WHAT YOU SHOULD DO: In the records that follow, the lines from the one containing "#26=IFCSHAPEREPRESENTATION(#25,'Body','Tessellation',(#24));" to the one containing "#35=IFCINDEXEDPOLYGONALFACE((5,7,8,6));", inclusive, are to be given again exactly.

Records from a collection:
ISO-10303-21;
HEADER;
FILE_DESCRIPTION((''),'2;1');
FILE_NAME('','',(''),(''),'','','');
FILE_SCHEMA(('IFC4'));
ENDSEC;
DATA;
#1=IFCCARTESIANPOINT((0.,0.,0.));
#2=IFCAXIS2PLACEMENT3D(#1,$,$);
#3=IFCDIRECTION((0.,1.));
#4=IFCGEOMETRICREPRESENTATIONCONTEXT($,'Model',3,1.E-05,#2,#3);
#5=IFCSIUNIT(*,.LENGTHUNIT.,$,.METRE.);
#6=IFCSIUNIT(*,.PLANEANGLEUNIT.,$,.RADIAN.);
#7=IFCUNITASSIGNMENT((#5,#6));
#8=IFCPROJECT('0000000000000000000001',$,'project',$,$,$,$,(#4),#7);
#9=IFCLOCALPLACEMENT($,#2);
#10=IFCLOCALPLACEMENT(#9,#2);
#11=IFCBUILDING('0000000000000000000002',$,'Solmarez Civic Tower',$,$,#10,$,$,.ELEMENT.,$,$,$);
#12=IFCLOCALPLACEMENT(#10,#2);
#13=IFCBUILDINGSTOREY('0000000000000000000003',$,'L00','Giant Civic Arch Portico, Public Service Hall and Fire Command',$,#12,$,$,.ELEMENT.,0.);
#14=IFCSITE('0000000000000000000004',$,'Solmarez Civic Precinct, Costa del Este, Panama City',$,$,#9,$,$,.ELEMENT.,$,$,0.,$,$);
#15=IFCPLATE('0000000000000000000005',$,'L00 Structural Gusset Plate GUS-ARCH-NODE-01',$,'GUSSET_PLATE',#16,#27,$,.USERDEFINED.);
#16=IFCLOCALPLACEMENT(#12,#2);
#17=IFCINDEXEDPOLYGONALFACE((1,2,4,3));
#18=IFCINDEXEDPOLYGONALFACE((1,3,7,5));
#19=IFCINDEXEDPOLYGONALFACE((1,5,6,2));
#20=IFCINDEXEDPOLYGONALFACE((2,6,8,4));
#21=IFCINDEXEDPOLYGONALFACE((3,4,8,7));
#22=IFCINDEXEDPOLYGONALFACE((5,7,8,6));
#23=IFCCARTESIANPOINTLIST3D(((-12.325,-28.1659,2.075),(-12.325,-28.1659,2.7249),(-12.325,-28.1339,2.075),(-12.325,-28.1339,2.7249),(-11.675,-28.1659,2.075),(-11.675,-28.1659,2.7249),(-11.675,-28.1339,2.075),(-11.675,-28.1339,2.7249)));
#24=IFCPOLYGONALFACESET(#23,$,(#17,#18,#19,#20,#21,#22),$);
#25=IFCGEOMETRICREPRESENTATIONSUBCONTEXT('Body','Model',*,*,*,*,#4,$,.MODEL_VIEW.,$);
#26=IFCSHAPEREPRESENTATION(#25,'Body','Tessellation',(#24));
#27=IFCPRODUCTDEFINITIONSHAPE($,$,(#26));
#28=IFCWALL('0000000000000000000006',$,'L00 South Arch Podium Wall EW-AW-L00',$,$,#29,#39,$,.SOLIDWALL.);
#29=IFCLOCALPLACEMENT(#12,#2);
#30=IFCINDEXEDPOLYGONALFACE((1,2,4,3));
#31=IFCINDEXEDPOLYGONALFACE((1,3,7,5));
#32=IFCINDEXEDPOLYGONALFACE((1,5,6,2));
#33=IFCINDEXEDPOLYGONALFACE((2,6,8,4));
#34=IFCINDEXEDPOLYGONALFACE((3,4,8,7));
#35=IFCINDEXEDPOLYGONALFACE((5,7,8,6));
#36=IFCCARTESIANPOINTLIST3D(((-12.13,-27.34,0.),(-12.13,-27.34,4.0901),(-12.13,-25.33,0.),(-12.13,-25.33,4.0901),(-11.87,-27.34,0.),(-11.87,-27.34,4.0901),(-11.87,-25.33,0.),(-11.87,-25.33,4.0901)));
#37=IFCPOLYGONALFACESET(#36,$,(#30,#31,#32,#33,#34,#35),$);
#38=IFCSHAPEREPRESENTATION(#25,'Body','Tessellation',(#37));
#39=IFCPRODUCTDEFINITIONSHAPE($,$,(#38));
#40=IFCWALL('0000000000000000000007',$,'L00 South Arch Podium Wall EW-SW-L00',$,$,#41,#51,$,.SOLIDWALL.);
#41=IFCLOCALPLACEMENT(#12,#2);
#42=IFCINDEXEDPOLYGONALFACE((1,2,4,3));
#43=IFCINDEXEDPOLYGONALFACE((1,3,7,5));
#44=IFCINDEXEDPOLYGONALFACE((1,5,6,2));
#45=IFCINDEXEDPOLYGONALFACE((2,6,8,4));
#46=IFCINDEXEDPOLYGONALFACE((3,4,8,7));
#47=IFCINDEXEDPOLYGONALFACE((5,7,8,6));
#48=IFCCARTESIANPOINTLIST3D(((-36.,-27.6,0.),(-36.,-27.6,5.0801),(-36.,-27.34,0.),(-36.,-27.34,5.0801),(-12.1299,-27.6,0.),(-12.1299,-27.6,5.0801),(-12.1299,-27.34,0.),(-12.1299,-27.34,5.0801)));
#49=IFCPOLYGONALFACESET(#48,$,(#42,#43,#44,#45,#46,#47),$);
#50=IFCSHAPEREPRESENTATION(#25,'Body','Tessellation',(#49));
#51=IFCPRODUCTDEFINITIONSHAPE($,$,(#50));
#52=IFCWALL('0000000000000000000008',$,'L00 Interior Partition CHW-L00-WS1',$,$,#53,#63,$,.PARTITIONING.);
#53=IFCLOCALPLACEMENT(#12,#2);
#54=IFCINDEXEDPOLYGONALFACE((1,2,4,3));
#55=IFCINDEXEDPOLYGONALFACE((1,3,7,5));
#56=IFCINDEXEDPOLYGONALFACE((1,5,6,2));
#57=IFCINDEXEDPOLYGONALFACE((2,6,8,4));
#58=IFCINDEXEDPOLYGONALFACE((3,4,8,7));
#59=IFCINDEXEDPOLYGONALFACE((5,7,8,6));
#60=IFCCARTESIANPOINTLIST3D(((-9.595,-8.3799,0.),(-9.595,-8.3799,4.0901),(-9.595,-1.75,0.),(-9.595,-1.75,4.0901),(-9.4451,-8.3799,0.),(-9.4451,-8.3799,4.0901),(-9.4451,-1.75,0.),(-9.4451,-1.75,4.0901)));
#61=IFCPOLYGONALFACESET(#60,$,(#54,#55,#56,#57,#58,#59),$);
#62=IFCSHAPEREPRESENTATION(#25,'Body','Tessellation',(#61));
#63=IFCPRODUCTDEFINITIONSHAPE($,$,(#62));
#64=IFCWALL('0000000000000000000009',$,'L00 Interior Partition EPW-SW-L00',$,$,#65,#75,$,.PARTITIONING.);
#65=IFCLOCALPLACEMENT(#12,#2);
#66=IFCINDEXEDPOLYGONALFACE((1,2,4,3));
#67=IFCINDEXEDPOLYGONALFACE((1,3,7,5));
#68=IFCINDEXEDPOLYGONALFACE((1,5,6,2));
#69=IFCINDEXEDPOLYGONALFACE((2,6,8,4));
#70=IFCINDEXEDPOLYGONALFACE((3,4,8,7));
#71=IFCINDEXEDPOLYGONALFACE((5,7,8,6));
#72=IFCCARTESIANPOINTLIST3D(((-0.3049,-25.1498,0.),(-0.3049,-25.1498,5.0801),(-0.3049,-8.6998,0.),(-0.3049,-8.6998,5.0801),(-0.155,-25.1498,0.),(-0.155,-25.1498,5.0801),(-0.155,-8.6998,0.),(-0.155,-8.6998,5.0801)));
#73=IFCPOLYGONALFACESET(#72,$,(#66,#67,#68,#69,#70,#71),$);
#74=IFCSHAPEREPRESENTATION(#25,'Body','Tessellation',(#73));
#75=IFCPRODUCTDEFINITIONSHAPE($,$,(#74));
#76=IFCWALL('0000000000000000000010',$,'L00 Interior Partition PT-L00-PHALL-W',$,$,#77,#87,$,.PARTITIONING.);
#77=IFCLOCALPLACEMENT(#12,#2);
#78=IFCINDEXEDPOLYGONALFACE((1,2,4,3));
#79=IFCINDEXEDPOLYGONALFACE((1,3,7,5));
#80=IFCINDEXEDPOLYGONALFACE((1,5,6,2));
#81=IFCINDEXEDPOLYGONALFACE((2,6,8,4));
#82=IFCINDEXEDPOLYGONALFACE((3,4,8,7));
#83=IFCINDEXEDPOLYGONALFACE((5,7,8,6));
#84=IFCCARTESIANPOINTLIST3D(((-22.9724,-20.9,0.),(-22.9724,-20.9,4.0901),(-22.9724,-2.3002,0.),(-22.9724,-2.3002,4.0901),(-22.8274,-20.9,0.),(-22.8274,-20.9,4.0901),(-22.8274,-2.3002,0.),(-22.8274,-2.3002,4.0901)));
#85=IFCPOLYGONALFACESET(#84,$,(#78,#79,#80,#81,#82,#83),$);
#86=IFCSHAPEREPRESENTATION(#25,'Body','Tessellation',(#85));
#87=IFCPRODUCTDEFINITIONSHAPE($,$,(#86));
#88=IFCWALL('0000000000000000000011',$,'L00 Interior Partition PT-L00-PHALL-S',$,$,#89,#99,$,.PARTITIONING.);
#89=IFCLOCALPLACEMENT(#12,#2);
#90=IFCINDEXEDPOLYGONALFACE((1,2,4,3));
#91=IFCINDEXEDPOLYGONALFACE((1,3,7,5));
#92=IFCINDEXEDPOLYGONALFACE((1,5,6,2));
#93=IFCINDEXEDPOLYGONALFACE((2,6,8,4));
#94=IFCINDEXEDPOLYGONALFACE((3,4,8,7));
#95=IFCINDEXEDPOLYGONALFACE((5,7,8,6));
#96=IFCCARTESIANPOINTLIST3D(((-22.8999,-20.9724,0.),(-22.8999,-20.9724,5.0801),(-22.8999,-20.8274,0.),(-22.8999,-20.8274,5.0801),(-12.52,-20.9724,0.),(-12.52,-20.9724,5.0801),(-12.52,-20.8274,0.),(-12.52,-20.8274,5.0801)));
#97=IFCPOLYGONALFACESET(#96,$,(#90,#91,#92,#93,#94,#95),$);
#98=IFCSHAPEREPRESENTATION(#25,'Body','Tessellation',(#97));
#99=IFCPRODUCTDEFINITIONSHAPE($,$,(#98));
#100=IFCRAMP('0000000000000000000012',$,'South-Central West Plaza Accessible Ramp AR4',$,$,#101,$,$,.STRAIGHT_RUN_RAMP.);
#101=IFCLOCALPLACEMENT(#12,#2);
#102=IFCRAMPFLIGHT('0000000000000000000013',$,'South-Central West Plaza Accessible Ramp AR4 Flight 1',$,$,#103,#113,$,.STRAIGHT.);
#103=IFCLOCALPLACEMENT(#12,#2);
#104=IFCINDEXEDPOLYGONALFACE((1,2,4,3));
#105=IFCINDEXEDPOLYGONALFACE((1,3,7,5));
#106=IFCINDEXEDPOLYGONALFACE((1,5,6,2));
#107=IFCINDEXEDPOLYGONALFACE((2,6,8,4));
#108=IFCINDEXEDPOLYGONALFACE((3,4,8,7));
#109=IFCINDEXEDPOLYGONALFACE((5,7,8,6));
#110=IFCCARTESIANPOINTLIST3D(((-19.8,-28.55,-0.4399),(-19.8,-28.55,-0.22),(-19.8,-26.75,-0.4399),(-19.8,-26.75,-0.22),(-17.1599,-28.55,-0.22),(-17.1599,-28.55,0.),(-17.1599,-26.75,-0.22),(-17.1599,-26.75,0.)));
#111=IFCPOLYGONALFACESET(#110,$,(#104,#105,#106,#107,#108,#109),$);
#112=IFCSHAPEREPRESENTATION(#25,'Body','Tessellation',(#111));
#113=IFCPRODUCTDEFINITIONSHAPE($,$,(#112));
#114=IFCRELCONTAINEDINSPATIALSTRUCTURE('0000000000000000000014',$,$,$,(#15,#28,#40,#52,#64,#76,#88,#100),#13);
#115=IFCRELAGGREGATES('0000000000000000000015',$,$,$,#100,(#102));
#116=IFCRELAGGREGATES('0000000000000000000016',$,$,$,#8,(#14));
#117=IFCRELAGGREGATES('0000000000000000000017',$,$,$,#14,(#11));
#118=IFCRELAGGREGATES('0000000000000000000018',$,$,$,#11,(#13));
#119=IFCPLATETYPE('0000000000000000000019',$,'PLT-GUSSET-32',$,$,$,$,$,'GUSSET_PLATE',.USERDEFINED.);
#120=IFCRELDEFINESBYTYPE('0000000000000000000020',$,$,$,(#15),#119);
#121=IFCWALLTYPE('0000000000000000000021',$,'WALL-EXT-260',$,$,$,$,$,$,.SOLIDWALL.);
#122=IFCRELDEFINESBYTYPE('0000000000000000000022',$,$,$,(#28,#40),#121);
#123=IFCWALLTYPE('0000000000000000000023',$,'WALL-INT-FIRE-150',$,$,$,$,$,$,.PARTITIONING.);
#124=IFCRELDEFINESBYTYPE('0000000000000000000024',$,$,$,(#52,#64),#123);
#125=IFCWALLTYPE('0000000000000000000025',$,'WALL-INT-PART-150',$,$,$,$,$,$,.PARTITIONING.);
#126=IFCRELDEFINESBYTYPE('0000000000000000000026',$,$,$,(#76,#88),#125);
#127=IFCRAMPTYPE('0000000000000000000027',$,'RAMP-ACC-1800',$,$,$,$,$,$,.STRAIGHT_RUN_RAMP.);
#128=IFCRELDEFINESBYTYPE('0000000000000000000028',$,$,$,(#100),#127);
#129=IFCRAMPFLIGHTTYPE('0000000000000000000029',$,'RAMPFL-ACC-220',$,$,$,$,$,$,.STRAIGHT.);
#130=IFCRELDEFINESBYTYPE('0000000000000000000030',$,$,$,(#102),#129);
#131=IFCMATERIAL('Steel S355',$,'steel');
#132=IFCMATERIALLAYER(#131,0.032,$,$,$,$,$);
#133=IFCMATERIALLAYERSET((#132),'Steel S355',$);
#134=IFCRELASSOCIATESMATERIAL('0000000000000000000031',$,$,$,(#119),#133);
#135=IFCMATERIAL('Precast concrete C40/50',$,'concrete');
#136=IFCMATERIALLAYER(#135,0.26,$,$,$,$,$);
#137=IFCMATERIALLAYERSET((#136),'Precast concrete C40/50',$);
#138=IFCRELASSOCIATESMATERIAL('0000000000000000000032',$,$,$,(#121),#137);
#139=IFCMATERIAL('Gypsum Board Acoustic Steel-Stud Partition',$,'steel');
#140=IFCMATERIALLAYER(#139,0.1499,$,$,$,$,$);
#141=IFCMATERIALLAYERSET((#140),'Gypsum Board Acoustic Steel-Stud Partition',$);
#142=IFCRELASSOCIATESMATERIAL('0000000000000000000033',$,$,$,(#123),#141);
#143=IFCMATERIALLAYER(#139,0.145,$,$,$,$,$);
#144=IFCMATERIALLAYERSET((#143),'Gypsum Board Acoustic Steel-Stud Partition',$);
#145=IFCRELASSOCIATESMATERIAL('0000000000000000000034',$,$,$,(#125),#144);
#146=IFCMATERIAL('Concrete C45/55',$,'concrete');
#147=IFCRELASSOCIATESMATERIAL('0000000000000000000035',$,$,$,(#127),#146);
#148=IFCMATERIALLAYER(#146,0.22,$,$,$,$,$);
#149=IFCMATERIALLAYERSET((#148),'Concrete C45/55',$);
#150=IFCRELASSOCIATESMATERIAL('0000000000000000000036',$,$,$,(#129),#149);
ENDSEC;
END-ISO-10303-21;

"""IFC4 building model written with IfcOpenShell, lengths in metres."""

from ifc_helpers import new_model, si_unit, direction, frame, frame_2d, origin, origin_2d, place, context, subcontext, project, spatial, polyline, rectangle, outline, extrude, material, layer, layer_set, type_object, element, aggregate, save


model = new_model("IFC4")

# Units and contexts
model_context = context("Model", 3, precision=1e-05, world=origin(), true_north=direction((0.0, 1.0)))
body_context = subcontext(model_context, "Body", "Model", "MODEL_VIEW")
ifc_project = project(units=[si_unit("LENGTHUNIT", "METRE"), si_unit("PLANEANGLEUNIT", "RADIAN")], contexts=[model_context])

# Site, building, storey
site_placement = place(None, origin())
site = spatial("IfcSite", under=ifc_project, at=site_placement, Name="Solmarez Civic Precinct, Costa del Este, Panama City", CompositionType="ELEMENT", RefElevation=0.0)
building_placement = place(site_placement, origin())
building = spatial("IfcBuilding", under=site, at=building_placement, Name="Solmarez Civic Tower", CompositionType="ELEMENT")
storey_placement = place(building_placement, origin())
storey = spatial("IfcBuildingStorey", under=building, at=storey_placement, Name="L00", Description="Giant Civic Arch Portico, Public Service Hall and Fire Command", CompositionType="ELEMENT", Elevation=0.0)

# Shared definitions
ifc_material_1 = material(Name="Steel S355", Category="steel")

# Plate
ifc_layer_1 = layer(ifc_material_1, 0.032)
ifc_layer_set_1 = layer_set([ifc_layer_1], Name="Steel S355")
plate_type_1 = type_object("IfcPlateType", Name="PLT-GUSSET-32", ElementType="GUSSET_PLATE", PredefinedType="USERDEFINED", material=ifc_layer_set_1)
plate_1_placement = place(storey_placement, frame((-12.0, -28.1499, 2.075), z_axis=(0.0, 0.0, 1.0), x_axis=(1.0, 0.0, 0.0)))
element("IfcPlate", 1, at=plate_1_placement, inside=storey, type_object=plate_type_1, Name="L00 Structural Gusset Plate GUS-ARCH-NODE-01", ObjectType="GUSSET_PLATE", PredefinedType="USERDEFINED", context=body_context, shape_type="SweptSolid", body=[
    extrude(rectangle(XDim=0.6499, YDim=0.032, at=origin_2d()), origin(), (0.0, 0.0, 1.0), 0.6499),
])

WRITTEN SOLUTION:
#26=IFCSHAPEREPRESENTATION(#25,'Body','Tessellation',(#24));
#27=IFCPRODUCTDEFINITIONSHAPE($,$,(#26));
#28=IFCWALL('0000000000000000000006',$,'L00 South Arch Podium Wall EW-AW-L00',$,$,#29,#39,$,.SOLIDWALL.);
#29=IFCLOCALPLACEMENT(#12,#2);
#30=IFCINDEXEDPOLYGONALFACE((1,2,4,3));
#31=IFCINDEXEDPOLYGONALFACE((1,3,7,5));
#32=IFCINDEXEDPOLYGONALFACE((1,5,6,2));
#33=IFCINDEXEDPOLYGONALFACE((2,6,8,4));
#34=IFCINDEXEDPOLYGONALFACE((3,4,8,7));
#35=IFCINDEXEDPOLYGONALFACE((5,7,8,6));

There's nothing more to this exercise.